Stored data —
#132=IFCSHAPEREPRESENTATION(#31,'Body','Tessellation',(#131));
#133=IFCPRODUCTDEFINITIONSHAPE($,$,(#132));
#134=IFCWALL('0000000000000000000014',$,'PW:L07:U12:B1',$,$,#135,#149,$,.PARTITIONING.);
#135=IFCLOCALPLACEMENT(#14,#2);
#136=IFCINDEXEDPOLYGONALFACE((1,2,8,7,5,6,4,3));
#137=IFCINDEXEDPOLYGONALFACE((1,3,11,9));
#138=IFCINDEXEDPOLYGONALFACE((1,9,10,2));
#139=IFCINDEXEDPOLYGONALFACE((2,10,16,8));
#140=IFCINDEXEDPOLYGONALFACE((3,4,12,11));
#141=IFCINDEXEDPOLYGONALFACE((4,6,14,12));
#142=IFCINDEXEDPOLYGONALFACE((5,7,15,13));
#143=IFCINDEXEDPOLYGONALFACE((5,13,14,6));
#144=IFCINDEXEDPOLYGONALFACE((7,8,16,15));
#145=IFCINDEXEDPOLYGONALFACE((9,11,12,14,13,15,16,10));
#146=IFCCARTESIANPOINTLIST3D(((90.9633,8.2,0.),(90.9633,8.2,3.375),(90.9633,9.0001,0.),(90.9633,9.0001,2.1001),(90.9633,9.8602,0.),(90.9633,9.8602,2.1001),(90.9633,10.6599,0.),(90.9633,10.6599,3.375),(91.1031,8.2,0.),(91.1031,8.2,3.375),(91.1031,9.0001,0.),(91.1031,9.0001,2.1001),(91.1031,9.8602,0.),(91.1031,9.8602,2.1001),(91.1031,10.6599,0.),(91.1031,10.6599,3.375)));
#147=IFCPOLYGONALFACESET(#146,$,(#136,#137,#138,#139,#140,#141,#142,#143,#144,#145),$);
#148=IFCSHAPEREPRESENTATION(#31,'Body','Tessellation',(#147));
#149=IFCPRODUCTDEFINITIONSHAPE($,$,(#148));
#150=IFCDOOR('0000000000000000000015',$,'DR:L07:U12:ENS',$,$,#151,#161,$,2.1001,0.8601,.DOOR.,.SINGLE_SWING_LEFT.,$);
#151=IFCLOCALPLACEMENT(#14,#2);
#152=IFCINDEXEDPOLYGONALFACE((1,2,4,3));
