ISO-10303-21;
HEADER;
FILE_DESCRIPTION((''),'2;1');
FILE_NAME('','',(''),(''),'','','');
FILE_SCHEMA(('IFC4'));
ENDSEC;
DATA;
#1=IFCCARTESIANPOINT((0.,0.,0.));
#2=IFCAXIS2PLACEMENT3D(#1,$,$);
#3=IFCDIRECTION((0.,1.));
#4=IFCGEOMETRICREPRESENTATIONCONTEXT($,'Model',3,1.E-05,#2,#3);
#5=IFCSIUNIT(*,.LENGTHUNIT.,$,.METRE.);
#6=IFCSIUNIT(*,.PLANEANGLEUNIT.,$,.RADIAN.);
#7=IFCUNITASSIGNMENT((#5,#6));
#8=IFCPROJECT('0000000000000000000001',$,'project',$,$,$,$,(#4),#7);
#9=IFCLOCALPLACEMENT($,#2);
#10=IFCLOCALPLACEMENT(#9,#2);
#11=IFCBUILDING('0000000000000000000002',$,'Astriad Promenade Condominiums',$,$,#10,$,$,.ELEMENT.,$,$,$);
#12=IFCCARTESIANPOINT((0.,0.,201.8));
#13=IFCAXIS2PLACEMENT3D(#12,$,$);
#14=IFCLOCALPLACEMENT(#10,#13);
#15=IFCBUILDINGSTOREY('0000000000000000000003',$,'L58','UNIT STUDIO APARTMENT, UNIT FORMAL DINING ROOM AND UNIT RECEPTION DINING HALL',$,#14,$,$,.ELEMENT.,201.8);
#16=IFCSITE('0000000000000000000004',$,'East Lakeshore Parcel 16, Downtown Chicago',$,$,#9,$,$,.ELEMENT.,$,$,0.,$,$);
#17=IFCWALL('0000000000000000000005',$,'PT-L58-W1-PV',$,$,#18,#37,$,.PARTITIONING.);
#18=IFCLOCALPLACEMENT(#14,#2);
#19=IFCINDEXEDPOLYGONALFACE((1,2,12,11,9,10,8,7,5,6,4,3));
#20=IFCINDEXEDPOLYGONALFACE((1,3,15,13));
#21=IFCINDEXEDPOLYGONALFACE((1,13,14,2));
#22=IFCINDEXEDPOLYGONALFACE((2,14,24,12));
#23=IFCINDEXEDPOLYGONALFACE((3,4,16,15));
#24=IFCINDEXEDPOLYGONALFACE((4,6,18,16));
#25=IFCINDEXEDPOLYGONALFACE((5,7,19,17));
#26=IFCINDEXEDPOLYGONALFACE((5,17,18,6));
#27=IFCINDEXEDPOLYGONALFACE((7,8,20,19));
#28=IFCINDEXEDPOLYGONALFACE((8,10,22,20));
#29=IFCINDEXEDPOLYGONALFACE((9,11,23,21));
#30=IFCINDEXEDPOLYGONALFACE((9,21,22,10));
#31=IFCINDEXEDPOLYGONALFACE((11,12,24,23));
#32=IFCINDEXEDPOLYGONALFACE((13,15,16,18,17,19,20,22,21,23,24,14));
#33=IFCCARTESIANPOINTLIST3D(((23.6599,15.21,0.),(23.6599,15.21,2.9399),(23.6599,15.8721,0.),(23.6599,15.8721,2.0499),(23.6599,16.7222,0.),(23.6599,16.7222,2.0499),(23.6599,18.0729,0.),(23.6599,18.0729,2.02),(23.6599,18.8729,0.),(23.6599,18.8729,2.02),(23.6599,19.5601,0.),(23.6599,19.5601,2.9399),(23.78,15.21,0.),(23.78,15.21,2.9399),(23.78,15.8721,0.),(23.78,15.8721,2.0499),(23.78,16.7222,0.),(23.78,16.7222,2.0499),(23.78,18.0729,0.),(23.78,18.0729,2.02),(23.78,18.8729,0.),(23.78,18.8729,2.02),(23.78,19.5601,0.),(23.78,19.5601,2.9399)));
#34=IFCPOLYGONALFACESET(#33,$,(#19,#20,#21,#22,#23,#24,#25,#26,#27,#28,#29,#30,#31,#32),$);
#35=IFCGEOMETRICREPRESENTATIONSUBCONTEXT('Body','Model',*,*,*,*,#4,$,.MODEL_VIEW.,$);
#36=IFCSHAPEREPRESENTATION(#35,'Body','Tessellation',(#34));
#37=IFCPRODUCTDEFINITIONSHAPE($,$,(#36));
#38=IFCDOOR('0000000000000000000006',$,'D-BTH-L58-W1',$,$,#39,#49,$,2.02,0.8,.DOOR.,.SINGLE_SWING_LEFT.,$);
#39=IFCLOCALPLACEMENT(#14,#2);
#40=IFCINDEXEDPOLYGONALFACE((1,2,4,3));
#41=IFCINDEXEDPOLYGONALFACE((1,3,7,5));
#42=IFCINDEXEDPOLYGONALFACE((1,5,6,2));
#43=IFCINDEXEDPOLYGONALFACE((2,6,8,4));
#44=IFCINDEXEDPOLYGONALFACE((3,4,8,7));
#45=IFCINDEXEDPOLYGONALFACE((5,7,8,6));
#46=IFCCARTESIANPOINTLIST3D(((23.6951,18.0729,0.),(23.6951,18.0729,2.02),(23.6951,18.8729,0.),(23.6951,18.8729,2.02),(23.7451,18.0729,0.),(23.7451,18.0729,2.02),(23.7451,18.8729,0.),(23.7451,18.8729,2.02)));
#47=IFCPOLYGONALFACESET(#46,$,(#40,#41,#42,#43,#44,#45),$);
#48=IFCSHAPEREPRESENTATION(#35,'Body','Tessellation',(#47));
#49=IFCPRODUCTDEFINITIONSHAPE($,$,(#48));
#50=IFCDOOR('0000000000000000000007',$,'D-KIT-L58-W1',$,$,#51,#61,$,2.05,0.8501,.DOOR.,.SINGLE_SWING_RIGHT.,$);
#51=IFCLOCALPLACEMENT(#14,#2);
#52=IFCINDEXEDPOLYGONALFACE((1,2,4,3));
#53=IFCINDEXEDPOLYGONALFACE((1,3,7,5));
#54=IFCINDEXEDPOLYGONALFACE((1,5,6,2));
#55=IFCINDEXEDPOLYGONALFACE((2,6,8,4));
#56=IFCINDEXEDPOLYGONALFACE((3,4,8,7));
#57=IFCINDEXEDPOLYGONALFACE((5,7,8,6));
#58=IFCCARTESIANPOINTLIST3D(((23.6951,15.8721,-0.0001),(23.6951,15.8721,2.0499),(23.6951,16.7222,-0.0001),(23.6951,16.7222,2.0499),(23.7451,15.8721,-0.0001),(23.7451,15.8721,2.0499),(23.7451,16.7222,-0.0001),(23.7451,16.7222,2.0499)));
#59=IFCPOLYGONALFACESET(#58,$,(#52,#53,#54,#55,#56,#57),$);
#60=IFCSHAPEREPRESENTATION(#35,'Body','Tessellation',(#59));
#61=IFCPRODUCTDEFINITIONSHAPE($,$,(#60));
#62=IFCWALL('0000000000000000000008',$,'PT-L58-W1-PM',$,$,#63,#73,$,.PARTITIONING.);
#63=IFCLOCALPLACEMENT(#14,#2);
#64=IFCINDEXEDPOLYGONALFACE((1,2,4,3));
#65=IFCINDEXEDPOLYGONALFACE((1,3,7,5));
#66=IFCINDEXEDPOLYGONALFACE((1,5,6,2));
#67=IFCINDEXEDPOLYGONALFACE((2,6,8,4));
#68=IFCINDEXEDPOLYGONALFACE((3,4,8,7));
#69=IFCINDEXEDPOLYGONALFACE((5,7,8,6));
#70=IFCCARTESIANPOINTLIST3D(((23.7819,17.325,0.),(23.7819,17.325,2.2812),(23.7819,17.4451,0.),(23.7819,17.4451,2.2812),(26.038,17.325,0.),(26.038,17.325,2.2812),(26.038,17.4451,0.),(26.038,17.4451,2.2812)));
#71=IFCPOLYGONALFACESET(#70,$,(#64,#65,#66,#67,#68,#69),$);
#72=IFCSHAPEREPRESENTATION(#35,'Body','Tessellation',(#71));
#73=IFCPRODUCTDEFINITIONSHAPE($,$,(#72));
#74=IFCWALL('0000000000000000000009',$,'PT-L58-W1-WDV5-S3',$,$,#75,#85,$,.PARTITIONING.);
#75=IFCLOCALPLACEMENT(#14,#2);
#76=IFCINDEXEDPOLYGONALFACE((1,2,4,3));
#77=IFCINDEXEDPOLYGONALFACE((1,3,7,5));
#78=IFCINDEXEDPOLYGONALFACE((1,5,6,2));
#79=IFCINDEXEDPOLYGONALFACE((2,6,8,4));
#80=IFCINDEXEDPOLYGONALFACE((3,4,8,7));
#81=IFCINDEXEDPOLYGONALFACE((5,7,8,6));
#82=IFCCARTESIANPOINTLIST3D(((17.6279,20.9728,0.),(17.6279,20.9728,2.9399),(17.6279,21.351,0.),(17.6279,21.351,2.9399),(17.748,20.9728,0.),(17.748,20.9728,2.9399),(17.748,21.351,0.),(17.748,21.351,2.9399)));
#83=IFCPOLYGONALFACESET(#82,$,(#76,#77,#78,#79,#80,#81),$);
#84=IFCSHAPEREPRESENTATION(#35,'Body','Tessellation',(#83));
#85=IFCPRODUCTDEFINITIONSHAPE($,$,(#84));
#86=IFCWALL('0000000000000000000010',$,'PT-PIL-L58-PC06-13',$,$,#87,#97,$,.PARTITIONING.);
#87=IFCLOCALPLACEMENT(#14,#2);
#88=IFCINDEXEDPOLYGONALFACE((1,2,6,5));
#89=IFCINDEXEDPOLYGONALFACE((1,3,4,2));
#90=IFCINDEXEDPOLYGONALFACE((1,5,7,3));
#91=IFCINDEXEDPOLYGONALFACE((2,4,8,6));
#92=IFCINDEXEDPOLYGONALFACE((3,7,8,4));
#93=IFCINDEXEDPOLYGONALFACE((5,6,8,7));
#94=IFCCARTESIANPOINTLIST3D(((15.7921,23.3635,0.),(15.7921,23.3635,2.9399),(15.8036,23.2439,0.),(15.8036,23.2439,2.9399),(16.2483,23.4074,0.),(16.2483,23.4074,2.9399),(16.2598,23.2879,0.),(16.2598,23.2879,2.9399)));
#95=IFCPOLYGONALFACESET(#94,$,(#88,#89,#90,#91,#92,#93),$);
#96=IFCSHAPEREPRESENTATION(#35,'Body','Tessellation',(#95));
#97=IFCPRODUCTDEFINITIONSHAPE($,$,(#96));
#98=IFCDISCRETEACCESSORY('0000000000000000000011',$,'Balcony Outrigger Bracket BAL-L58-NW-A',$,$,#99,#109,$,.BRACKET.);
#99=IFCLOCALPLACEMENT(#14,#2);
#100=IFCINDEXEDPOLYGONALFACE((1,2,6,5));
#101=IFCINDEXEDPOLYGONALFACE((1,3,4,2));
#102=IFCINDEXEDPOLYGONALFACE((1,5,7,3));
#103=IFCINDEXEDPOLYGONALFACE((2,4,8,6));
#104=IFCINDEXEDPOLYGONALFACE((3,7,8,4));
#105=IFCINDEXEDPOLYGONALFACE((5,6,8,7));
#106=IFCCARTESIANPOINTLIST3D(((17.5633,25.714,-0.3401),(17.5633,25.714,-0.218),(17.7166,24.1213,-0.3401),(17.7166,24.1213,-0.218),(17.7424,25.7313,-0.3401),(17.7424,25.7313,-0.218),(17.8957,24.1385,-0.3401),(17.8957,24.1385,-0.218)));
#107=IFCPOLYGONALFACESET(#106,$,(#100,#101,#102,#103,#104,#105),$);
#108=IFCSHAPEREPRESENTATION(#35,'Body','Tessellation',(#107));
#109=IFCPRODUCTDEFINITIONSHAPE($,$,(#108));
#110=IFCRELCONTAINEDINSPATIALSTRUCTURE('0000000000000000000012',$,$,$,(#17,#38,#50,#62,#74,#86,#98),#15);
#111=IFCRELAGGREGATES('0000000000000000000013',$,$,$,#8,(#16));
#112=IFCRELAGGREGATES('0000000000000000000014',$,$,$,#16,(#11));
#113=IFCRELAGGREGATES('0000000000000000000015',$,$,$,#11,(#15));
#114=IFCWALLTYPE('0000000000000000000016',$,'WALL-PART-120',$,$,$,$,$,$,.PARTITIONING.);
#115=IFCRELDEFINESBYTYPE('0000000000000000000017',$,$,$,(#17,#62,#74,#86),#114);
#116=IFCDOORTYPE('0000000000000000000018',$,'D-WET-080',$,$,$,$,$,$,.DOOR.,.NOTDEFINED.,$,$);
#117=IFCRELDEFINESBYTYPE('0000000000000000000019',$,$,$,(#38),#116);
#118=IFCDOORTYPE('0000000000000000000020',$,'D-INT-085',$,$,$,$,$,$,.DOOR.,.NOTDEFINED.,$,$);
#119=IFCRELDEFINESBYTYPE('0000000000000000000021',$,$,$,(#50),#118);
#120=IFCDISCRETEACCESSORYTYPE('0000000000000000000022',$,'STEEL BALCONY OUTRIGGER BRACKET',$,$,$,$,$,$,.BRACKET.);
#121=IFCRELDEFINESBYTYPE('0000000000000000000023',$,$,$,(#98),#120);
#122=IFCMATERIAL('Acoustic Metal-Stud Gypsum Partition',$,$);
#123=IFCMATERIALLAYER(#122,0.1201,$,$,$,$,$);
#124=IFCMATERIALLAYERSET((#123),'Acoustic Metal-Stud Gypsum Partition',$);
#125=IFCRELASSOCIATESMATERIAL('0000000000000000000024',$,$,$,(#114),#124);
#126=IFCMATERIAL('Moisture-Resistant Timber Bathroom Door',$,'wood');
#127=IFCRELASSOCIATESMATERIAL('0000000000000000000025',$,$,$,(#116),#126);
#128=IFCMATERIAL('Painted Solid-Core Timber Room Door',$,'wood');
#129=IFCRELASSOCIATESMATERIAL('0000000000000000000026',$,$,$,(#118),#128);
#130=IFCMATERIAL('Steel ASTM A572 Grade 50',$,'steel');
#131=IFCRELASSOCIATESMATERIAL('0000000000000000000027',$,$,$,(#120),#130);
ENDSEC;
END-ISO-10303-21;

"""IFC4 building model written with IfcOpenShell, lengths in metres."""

from ifc_helpers import new_model, si_unit, direction, frame, frame_2d, origin, origin_2d, place, context, subcontext, project, spatial, rectangle, extrude, source, transform, mapped, material, layer, layer_set, type_object, type_shapes, element, fill, save


model = new_model("IFC4")

# Units and contexts
model_context = context("Model", 3, precision=1e-05, world=origin(), true_north=direction((0.0, 1.0)))
body_context = subcontext(model_context, "Body", "Model", "MODEL_VIEW")
ifc_project = project(units=[si_unit("LENGTHUNIT", "METRE"), si_unit("PLANEANGLEUNIT", "RADIAN")], contexts=[model_context])

# Site, building, storey
site_placement = place(None, origin())
site = spatial("IfcSite", under=ifc_project, at=site_placement, Name="East Lakeshore Parcel 16, Downtown Chicago", CompositionType="ELEMENT", RefElevation=0.0)
building_placement = place(site_placement, origin())
building = spatial("IfcBuilding", under=site, at=building_placement, Name="Astriad Promenade Condominiums", CompositionType="ELEMENT")
storey_placement = place(building_placement, frame((0.0, 0.0, 201.8)))
storey = spatial("IfcBuildingStorey", under=building, at=storey_placement, Name="L58", Description="UNIT STUDIO APARTMENT, UNIT FORMAL DINING ROOM AND UNIT RECEPTION DINING HALL", CompositionType="ELEMENT", Elevation=201.8)

# Wall, openings, doors
ifc_material_1 = material(Name="Acoustic Metal-Stud Gypsum Partition")
ifc_layer_1 = layer(ifc_material_1, 0.1201)
ifc_layer_set_1 = layer_set([ifc_layer_1], Name="Acoustic Metal-Stud Gypsum Partition")
wall_type_1 = type_object("IfcWallType", Name="WALL-PART-120", PredefinedType="PARTITIONING", material=ifc_layer_set_1)
wall_1_placement = place(storey_placement, frame((23.72, 15.21, 0.0), z_axis=(0.0, 0.0, 1.0), x_axis=(0.0, 1.0, 0.0)))
wall_1 = element("IfcWall", 1, at=wall_1_placement, inside=storey, type_object=wall_type_1, Name="PT-L58-W1-PV", PredefinedType="PARTITIONING", context=body_context, shape_type="SweptSolid", body=[
    extrude(rectangle(XDim=4.3501, YDim=0.1201, at=frame_2d((2.175, 0.0))), origin(), (0.0, 0.0, 1.0), 2.9399),
])
opening_1_placement = place(wall_1_placement, frame((0.6621, 0.0, 0.0)))
opening_1 = element("IfcOpeningElement", 2, at=opening_1_placement, cuts=wall_1, PredefinedType="OPENING", context=body_context, shape_type="SweptSolid", body=[
    extrude(rectangle(XDim=0.8501, YDim=2.05, at=frame_2d((0.425, 1.0249))), frame((0.0, 0.0701, 0.0), z_axis=(0.0, -1.0, 0.0), x_axis=(1.0, 0.0, 0.0)), (0.0, 0.0, 1.0), 0.1401),
])
opening_2_placement = place(wall_1_placement, frame((2.863, 0.0, 0.0)))
opening_2 = element("IfcOpeningElement", 3, at=opening_2_placement, cuts=wall_1, PredefinedType="OPENING", context=body_context, shape_type="SweptSolid", body=[
    extrude(rectangle(XDim=0.8, YDim=2.02, at=frame_2d((0.3999, 1.01))), frame((0.0, 0.0701, 0.0), z_axis=(0.0, -1.0, 0.0), x_axis=(1.0, 0.0, 0.0)), (0.0, 0.0, 1.0), 0.1401),
])
ifc_material_2 = material(Name="Moisture-Resistant Timber Bathroom Door", Category="wood")
door_type_1 = type_object("IfcDoorType", Name="D-WET-080", OperationType="NOTDEFINED", PredefinedType="DOOR", material=ifc_material_2)
shared_shape_1 = source(origin(), body_context, "Body", "SweptSolid", [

REQUIRED ACTION —
Copy out only the lines of the records above from the one with "#122=IFCMATERIAL('Acoustic Metal-Stud Gypsum" through the one with "#130=IFCMATERIAL('Steel ASTM A572", exactly as they stand, both included.

RESULT OF THIS EXERCISE —
#122=IFCMATERIAL('Acoustic Metal-Stud Gypsum Partition',$,$);
#123=IFCMATERIALLAYER(#122,0.1201,$,$,$,$,$);
#124=IFCMATERIALLAYERSET((#123),'Acoustic Metal-Stud Gypsum Partition',$);
#125=IFCRELASSOCIATESMATERIAL('0000000000000000000024',$,$,$,(#114),#124);
#126=IFCMATERIAL('Moisture-Resistant Timber Bathroom Door',$,'wood');
#127=IFCRELASSOCIATESMATERIAL('0000000000000000000025',$,$,$,(#116),#126);
#128=IFCMATERIAL('Painted Solid-Core Timber Room Door',$,'wood');
#129=IFCRELASSOCIATESMATERIAL('0000000000000000000026',$,$,$,(#118),#128);
#130=IFCMATERIAL('Steel ASTM A572 Grade 50',$,'steel');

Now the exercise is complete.